#### [Directions]
Return all lines from the listing below that include the word "framing".
*** Opening Exercise data ***
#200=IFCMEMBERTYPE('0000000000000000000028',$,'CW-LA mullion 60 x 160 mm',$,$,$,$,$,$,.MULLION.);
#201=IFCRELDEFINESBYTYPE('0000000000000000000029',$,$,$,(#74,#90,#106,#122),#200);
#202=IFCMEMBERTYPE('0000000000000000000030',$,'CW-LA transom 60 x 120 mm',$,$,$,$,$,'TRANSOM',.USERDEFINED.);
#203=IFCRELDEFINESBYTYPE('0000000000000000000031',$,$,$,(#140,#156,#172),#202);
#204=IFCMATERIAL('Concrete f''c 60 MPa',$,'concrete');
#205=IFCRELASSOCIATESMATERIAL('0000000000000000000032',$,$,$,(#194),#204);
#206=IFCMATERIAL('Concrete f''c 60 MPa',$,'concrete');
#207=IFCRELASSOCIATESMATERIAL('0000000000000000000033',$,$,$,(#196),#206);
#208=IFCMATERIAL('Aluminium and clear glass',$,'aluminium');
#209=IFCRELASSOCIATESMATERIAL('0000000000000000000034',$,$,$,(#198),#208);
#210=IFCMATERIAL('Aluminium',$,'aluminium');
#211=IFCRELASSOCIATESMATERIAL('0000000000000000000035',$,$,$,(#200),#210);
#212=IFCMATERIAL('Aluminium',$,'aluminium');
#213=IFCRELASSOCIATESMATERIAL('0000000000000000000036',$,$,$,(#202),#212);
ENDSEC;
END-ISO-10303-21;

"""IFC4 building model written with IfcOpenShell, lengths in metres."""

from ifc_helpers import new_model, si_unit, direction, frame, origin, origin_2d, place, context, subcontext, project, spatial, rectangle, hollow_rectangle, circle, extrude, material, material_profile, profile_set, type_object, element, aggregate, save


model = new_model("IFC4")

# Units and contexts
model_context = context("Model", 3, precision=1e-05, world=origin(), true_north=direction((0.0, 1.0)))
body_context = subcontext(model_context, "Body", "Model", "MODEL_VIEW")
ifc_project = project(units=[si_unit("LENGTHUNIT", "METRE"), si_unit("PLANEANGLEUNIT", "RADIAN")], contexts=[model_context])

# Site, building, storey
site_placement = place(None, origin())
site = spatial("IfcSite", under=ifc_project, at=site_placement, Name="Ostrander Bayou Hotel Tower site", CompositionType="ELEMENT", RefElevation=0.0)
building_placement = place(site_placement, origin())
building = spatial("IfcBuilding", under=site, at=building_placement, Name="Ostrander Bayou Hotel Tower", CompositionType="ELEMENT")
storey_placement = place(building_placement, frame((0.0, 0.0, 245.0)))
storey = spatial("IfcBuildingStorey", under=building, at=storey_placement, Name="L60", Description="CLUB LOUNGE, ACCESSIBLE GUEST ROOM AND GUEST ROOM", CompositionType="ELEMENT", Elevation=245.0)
*** Closing Exercise data ***
*** Opening Exercise data ***
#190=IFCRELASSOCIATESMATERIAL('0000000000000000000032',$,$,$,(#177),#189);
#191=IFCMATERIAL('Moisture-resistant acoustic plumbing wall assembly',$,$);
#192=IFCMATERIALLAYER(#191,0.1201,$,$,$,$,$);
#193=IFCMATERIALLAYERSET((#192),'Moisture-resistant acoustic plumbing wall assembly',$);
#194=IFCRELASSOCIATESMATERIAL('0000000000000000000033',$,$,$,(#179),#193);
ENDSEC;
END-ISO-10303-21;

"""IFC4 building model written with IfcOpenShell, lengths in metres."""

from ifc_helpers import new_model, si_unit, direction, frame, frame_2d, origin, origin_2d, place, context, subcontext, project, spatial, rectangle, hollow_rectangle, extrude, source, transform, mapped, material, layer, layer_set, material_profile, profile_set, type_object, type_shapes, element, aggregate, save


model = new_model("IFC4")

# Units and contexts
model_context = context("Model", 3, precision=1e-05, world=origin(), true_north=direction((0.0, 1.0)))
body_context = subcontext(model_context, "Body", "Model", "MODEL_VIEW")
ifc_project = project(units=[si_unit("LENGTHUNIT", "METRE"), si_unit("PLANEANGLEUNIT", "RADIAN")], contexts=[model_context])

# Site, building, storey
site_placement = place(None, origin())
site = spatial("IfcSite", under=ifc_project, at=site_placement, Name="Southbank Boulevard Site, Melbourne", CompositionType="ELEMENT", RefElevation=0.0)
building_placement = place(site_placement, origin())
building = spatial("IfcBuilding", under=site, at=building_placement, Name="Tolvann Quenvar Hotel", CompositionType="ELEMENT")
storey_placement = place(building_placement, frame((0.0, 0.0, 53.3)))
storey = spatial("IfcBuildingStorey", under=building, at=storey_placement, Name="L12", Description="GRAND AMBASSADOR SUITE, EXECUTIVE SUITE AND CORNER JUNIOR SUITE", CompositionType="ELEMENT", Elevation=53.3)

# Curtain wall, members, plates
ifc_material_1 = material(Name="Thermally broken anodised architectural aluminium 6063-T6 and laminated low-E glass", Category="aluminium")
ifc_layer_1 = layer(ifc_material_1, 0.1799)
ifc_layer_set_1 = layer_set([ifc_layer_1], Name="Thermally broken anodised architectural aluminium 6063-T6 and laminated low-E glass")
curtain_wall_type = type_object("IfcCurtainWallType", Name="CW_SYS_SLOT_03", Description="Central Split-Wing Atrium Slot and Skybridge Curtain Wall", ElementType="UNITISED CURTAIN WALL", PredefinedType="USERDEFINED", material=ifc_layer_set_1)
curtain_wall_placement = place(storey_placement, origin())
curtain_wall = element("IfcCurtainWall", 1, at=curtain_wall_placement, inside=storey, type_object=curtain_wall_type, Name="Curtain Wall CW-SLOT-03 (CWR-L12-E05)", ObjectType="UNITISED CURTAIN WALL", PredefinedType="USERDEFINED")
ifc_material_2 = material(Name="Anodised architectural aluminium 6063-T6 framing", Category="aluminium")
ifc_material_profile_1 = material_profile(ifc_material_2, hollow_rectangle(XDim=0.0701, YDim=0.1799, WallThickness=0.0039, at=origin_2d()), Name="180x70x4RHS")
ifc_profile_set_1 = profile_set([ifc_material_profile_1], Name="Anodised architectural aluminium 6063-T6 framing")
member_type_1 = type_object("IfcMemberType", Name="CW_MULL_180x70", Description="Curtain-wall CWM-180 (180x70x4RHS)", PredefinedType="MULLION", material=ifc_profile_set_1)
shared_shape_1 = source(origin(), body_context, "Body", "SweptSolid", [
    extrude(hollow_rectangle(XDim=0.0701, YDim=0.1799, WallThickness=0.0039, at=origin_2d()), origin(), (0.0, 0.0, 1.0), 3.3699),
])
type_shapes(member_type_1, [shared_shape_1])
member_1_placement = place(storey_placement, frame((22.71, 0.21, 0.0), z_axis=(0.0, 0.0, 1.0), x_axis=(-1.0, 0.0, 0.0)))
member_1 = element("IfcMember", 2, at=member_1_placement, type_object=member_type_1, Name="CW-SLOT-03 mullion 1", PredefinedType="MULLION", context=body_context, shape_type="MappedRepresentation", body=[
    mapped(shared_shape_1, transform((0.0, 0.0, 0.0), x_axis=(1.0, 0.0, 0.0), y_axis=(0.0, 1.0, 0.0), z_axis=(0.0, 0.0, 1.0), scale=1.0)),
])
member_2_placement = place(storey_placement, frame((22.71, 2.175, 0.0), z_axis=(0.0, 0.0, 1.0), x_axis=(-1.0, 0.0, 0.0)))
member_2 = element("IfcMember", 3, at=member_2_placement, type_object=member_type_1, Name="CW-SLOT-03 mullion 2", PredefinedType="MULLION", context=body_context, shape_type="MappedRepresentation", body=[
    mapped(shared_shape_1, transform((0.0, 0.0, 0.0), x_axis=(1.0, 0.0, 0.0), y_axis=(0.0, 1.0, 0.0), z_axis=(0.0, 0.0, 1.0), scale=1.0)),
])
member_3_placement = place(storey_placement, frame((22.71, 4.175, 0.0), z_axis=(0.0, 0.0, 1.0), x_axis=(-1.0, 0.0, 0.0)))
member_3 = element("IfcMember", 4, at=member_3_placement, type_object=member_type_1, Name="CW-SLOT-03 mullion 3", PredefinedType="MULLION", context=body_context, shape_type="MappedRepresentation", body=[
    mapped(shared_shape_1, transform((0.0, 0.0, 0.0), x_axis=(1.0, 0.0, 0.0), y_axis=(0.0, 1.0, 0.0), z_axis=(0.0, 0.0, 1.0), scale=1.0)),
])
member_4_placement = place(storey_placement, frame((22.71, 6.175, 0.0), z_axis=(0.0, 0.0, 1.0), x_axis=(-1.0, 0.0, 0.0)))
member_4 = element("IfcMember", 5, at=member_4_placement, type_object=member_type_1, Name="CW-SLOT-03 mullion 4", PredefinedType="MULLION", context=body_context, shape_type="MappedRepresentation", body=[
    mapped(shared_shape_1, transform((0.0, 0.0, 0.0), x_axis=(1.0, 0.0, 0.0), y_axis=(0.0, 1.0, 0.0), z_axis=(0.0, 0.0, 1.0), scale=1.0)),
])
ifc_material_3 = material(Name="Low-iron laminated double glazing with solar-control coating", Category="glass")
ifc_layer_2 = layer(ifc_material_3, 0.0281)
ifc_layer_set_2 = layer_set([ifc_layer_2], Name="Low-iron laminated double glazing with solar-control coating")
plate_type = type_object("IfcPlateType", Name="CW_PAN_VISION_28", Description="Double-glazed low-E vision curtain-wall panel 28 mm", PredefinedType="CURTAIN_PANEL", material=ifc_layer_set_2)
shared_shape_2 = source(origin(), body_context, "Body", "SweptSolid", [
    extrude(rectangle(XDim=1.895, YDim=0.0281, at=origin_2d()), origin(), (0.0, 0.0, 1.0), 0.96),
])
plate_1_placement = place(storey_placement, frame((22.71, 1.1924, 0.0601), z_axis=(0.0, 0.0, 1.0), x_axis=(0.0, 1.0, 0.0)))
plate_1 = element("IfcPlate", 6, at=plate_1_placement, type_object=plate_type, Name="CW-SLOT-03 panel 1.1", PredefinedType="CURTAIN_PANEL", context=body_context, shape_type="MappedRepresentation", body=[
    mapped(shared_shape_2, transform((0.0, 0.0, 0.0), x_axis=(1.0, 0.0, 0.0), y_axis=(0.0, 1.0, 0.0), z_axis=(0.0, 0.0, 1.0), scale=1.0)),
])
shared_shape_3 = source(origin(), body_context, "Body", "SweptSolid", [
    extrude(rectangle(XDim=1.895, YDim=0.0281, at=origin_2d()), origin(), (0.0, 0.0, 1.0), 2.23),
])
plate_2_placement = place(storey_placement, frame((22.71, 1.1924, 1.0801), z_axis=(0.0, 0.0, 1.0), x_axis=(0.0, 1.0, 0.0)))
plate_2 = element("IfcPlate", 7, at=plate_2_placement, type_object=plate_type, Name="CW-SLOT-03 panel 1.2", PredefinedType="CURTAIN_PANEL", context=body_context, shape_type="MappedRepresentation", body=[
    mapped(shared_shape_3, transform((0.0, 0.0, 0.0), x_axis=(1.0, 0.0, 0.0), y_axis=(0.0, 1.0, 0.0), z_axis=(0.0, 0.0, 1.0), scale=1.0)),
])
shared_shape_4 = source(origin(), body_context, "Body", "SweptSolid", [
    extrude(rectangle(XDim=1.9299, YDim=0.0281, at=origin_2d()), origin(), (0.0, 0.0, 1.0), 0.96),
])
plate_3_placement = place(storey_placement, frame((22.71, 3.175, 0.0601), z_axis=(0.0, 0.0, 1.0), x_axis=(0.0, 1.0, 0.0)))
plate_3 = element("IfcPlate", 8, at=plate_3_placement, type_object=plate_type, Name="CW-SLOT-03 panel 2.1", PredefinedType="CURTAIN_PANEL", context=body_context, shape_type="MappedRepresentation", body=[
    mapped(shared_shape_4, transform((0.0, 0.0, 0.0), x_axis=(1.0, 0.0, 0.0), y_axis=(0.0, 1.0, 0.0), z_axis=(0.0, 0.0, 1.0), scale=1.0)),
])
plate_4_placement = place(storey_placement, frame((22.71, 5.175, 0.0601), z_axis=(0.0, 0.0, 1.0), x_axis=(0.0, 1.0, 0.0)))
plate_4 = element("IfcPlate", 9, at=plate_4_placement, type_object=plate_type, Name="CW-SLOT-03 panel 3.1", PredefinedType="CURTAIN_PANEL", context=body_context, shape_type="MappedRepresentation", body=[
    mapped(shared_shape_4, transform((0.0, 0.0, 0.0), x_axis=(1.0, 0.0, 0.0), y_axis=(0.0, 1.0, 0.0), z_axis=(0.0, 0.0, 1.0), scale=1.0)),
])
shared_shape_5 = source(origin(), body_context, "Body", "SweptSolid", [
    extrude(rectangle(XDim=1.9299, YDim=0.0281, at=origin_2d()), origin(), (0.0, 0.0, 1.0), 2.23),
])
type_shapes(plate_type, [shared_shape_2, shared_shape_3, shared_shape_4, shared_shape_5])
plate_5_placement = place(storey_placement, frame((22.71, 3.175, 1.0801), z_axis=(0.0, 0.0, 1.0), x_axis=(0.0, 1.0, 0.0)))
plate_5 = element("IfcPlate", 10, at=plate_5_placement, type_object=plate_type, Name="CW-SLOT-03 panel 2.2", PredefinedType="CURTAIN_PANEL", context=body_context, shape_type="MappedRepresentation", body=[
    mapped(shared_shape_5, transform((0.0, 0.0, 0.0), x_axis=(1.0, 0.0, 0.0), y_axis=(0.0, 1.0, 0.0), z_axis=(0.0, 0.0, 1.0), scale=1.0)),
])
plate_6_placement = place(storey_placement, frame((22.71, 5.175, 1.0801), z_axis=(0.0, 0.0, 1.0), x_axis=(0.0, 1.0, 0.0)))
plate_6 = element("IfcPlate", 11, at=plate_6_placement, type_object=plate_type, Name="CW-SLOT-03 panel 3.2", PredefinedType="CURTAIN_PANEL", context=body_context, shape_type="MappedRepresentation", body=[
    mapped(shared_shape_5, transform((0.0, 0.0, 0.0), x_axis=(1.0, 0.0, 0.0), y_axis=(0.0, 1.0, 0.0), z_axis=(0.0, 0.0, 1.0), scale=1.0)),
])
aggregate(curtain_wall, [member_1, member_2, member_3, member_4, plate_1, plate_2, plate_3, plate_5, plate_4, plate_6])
*** Closing Exercise data ***
*** Opening Exercise data ***
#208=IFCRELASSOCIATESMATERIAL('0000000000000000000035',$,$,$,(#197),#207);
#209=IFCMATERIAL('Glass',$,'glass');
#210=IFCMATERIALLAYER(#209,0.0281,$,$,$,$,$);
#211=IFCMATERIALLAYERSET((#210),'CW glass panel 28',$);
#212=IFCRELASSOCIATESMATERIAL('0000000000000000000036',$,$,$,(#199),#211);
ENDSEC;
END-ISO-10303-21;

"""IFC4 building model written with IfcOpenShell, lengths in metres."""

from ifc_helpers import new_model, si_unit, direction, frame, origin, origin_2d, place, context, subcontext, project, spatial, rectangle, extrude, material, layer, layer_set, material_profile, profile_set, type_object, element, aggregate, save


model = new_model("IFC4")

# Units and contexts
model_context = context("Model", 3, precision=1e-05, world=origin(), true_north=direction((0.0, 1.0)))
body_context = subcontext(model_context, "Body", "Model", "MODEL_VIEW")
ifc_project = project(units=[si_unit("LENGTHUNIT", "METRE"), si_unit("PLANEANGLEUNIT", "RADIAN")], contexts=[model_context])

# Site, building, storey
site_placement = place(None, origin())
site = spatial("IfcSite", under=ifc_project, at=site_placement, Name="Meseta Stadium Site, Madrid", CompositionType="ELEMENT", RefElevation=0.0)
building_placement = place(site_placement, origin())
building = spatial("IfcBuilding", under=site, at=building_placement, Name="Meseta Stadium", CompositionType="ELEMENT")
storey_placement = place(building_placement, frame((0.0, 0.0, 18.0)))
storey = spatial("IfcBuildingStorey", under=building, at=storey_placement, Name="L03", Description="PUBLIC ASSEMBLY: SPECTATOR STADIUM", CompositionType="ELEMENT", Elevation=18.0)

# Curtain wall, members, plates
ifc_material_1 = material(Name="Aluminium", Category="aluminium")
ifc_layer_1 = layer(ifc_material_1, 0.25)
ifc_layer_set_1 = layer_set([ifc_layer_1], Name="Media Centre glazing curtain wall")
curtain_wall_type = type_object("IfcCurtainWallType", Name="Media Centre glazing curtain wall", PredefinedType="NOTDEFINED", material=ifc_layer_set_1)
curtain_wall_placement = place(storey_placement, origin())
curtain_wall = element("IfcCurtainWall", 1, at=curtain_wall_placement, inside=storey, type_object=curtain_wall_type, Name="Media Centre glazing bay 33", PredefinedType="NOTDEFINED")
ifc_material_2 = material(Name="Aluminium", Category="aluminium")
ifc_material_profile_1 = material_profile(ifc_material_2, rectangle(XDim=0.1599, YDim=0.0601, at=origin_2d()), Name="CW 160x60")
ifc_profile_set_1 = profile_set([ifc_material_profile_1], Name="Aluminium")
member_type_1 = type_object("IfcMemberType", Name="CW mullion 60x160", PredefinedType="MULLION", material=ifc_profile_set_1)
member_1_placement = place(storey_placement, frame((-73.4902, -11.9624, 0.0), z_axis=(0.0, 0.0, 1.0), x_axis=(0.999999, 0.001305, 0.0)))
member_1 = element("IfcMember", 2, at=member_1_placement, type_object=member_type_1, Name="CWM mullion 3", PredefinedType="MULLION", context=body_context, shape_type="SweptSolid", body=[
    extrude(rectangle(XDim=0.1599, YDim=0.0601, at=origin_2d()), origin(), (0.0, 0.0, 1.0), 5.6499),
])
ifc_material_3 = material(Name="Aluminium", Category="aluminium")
*** Closing Exercise data ***
#### [Answer box]
ifc_material_2 = material(Name="Anodised architectural aluminium 6063-T6 framing", Category="aluminium")
ifc_profile_set_1 = profile_set([ifc_material_profile_1], Name="Anodised architectural aluminium 6063-T6 framing")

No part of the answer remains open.